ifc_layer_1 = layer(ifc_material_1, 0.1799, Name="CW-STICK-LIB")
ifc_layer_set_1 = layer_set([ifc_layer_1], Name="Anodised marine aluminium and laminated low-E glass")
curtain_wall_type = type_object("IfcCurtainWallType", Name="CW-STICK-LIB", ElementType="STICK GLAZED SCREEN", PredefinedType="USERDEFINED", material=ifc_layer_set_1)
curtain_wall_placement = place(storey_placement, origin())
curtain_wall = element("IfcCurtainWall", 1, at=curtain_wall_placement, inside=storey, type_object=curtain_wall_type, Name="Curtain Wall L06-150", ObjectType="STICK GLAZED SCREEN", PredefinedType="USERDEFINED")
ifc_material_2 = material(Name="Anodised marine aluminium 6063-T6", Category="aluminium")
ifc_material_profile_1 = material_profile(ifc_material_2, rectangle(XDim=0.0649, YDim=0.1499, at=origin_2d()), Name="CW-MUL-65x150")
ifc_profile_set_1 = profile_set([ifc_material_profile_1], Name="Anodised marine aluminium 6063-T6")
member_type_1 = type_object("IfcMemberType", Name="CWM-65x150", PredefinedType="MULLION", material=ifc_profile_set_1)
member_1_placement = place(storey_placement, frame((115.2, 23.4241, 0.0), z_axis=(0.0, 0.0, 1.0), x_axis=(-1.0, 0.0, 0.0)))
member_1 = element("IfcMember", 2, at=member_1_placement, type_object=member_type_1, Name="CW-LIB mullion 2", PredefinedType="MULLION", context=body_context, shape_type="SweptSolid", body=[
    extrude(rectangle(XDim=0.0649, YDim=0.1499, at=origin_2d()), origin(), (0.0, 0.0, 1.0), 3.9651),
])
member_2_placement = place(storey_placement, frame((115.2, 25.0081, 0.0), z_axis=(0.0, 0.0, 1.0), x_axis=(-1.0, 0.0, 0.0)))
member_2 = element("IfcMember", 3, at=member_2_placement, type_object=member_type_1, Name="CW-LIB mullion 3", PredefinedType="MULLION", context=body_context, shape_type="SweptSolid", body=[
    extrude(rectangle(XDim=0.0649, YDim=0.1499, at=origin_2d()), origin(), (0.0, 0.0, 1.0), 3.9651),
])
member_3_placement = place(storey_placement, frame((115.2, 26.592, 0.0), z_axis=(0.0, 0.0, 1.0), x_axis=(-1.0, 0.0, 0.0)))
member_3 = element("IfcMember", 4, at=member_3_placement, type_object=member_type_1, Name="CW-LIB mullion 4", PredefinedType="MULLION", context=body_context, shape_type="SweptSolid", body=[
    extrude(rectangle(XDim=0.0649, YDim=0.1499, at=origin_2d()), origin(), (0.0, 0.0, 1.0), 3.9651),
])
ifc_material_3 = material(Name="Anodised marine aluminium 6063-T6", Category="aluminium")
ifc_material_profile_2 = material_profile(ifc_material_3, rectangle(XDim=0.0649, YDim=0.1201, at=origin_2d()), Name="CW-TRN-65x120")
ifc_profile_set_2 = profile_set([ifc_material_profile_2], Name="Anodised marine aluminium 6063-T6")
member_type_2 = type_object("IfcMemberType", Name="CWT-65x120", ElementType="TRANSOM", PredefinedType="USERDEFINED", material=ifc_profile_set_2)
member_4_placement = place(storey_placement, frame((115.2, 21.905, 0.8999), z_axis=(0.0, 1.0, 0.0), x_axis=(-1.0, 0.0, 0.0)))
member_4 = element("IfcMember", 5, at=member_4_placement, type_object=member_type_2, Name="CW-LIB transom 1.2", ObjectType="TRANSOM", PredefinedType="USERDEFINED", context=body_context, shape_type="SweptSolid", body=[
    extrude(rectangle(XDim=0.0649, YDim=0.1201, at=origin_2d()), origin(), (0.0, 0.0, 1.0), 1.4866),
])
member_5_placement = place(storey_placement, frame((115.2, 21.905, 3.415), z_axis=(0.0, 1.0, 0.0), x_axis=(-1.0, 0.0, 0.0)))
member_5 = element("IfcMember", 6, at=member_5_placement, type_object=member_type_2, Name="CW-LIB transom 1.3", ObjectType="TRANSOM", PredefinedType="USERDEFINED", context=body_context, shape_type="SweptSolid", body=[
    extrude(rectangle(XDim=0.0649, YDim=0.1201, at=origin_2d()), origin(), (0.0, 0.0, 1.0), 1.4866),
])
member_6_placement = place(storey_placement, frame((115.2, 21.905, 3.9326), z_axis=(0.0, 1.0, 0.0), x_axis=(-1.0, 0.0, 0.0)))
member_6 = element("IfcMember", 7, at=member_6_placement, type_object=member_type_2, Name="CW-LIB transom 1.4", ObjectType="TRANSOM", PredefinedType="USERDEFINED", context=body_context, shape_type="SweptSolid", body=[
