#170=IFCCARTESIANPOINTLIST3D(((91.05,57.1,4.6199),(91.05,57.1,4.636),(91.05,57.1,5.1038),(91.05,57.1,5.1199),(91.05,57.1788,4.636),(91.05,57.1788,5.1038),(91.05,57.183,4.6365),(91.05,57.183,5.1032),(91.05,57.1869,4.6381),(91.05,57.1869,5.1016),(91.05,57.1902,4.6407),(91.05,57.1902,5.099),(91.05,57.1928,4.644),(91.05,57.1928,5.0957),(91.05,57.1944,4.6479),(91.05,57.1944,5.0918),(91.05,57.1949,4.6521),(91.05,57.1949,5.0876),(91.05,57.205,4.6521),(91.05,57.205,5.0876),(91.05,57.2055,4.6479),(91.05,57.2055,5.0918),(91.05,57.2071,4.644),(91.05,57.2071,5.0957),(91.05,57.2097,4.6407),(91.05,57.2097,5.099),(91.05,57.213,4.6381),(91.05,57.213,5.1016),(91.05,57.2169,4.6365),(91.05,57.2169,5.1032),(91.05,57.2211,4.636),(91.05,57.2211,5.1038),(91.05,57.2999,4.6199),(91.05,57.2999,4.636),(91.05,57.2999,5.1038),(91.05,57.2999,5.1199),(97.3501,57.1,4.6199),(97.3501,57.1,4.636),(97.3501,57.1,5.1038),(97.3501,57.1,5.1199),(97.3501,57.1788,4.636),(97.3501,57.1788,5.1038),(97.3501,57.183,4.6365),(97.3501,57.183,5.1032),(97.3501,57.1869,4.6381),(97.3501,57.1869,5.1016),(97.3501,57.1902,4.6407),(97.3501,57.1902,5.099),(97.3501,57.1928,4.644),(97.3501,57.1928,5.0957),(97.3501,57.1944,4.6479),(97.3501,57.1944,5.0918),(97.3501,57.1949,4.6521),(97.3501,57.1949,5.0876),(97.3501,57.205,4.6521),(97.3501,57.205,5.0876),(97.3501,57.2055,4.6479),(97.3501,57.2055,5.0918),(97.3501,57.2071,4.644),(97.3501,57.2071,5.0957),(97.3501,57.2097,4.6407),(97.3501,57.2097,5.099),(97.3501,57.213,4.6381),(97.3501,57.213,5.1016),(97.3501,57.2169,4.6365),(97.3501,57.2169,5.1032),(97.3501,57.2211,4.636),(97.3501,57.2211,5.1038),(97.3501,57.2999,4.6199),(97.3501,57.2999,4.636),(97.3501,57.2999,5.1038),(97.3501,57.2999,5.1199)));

---

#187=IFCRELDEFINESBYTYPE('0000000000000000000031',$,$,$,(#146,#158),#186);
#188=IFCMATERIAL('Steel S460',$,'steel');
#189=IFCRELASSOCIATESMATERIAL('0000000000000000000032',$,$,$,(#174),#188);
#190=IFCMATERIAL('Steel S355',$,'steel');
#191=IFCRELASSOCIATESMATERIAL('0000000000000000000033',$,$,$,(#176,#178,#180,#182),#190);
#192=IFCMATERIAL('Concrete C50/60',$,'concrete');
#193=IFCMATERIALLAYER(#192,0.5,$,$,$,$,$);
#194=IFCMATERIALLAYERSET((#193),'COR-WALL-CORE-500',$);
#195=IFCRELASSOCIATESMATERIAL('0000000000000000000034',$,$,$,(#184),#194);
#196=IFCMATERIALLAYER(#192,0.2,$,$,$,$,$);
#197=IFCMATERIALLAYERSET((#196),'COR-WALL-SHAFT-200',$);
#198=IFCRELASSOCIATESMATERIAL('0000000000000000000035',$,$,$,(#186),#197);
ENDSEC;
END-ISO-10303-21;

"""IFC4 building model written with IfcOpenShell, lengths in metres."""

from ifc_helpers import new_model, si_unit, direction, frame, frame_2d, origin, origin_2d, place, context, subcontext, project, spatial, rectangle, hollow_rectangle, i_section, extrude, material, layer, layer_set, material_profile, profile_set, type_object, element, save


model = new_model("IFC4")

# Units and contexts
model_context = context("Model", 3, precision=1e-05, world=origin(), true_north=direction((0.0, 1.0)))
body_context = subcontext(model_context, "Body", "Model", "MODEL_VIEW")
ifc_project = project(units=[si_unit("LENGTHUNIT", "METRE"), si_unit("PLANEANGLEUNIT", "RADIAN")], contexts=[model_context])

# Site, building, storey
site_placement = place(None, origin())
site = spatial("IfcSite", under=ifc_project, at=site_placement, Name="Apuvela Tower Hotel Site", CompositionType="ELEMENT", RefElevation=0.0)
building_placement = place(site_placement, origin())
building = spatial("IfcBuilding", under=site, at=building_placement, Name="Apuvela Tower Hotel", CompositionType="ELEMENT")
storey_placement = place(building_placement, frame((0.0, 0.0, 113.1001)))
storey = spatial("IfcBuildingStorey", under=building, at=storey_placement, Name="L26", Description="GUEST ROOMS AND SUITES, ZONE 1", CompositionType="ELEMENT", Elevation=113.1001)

**Exercise:** The answer must be a single number: how many lines of the entries contain "contexts".

**Exercise solution:** 2